*** Block opens ***
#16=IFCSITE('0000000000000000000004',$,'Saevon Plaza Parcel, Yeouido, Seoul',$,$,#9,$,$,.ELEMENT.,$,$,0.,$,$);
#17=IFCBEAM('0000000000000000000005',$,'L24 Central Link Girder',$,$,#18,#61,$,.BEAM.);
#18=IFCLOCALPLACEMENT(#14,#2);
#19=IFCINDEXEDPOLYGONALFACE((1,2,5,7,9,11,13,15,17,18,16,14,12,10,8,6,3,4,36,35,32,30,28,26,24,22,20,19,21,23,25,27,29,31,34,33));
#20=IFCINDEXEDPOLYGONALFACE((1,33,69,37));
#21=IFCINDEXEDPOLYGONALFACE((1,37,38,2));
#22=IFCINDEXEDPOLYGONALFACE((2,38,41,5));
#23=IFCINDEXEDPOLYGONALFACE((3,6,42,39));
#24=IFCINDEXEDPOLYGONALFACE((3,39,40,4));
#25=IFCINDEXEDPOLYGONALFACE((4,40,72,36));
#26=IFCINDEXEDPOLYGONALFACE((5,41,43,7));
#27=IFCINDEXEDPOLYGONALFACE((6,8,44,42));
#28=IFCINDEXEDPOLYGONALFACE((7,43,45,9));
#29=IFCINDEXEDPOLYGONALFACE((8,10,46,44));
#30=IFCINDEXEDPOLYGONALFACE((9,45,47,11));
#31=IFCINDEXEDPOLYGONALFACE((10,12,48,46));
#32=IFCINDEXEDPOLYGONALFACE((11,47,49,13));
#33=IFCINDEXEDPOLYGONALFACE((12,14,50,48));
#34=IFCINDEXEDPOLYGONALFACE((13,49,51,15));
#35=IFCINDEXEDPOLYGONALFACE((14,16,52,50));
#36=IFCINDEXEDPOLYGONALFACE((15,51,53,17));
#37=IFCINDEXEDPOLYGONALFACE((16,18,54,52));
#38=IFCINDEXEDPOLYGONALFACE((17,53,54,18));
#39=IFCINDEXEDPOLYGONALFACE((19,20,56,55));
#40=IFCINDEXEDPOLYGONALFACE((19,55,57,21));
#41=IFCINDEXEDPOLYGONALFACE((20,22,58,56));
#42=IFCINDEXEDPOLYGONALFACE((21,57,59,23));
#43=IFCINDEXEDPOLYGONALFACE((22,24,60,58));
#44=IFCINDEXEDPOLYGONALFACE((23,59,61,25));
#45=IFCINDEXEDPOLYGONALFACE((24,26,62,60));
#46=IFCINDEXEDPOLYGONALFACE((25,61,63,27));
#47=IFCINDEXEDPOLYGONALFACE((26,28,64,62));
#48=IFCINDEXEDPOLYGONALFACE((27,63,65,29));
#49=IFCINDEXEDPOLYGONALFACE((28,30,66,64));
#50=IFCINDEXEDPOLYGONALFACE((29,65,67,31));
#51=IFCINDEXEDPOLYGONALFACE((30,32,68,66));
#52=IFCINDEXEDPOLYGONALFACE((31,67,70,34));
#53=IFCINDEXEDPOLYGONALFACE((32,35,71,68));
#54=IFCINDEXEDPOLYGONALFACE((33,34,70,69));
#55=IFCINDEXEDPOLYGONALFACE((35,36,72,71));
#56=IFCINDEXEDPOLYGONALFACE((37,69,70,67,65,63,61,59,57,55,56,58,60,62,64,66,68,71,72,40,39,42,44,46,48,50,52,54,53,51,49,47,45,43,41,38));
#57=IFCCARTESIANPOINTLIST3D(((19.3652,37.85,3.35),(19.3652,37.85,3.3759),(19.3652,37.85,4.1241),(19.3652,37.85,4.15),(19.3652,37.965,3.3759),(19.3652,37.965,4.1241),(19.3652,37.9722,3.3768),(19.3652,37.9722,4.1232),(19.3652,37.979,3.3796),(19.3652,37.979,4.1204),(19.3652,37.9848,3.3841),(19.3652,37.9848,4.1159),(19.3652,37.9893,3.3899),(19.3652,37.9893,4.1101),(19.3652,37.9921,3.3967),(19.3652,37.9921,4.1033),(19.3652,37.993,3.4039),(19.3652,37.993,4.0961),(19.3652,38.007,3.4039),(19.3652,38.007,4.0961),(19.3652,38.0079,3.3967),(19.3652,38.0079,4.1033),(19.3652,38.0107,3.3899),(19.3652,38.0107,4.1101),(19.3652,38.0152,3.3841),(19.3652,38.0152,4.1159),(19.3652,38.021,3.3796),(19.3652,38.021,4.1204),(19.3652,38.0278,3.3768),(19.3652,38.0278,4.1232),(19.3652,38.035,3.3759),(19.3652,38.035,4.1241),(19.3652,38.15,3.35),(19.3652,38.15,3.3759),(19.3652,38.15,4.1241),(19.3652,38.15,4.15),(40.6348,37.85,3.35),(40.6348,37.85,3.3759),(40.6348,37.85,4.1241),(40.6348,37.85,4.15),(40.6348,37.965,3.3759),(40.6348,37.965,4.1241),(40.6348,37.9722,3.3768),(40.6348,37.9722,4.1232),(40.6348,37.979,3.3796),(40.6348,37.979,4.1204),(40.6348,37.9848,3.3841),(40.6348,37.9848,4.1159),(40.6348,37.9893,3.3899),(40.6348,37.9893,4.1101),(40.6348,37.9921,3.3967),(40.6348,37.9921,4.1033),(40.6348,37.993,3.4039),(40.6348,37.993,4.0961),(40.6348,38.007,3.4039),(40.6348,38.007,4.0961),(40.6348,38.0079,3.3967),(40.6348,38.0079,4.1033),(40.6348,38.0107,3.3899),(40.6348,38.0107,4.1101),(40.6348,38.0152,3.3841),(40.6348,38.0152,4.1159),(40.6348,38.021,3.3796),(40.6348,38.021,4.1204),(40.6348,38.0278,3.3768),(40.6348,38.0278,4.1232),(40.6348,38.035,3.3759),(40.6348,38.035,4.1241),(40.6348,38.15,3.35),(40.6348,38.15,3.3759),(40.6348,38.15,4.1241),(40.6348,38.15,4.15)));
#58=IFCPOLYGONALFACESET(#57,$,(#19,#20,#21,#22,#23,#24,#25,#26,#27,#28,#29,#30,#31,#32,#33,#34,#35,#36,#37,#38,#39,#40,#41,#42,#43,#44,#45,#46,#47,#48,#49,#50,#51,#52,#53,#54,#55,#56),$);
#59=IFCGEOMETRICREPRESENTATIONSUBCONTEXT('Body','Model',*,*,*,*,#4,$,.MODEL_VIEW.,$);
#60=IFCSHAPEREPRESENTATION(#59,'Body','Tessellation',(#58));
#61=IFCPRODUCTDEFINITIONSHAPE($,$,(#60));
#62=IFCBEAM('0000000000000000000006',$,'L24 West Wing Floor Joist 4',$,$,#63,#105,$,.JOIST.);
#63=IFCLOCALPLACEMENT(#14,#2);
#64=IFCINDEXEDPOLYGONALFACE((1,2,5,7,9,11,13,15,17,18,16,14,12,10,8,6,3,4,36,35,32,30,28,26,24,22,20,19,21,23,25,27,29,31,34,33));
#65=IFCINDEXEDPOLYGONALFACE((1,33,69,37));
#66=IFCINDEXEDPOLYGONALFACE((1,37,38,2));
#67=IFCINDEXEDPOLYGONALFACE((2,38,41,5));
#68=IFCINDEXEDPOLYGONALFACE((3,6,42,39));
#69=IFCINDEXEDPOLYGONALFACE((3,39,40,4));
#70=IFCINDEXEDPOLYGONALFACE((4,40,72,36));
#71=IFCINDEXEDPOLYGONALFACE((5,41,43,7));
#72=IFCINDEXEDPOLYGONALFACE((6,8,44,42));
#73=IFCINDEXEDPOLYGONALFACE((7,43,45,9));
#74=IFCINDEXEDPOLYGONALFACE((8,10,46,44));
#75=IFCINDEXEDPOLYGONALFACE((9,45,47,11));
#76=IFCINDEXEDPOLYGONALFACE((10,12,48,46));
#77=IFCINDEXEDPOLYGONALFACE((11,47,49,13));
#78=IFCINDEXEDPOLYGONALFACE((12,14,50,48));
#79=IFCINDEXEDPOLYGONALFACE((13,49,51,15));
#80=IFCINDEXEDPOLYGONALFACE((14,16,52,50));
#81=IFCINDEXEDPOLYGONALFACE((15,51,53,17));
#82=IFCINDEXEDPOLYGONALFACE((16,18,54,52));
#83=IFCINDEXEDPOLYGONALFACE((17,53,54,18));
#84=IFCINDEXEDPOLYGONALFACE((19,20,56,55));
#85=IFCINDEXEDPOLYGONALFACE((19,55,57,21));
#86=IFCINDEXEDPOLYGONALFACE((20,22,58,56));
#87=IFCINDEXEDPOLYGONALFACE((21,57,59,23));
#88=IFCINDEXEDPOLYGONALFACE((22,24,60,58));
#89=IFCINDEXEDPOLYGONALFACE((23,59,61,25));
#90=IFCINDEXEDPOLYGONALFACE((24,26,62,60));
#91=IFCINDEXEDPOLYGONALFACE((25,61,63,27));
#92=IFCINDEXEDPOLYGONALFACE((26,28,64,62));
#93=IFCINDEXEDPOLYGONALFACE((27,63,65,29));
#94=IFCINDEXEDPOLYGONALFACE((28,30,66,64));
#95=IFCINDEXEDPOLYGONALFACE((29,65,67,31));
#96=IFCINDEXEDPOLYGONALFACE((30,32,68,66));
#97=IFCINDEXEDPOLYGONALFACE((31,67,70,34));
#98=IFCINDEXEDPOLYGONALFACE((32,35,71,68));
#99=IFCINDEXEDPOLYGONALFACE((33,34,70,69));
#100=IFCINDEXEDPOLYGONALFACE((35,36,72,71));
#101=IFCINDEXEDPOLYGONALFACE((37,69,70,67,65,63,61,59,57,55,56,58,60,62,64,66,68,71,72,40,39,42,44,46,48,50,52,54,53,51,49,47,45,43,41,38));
*** Block closes ***
TASK PROMPT
Using the data above, say how many lines include the word "Body". Write only that number.

TASK OUTPUT
2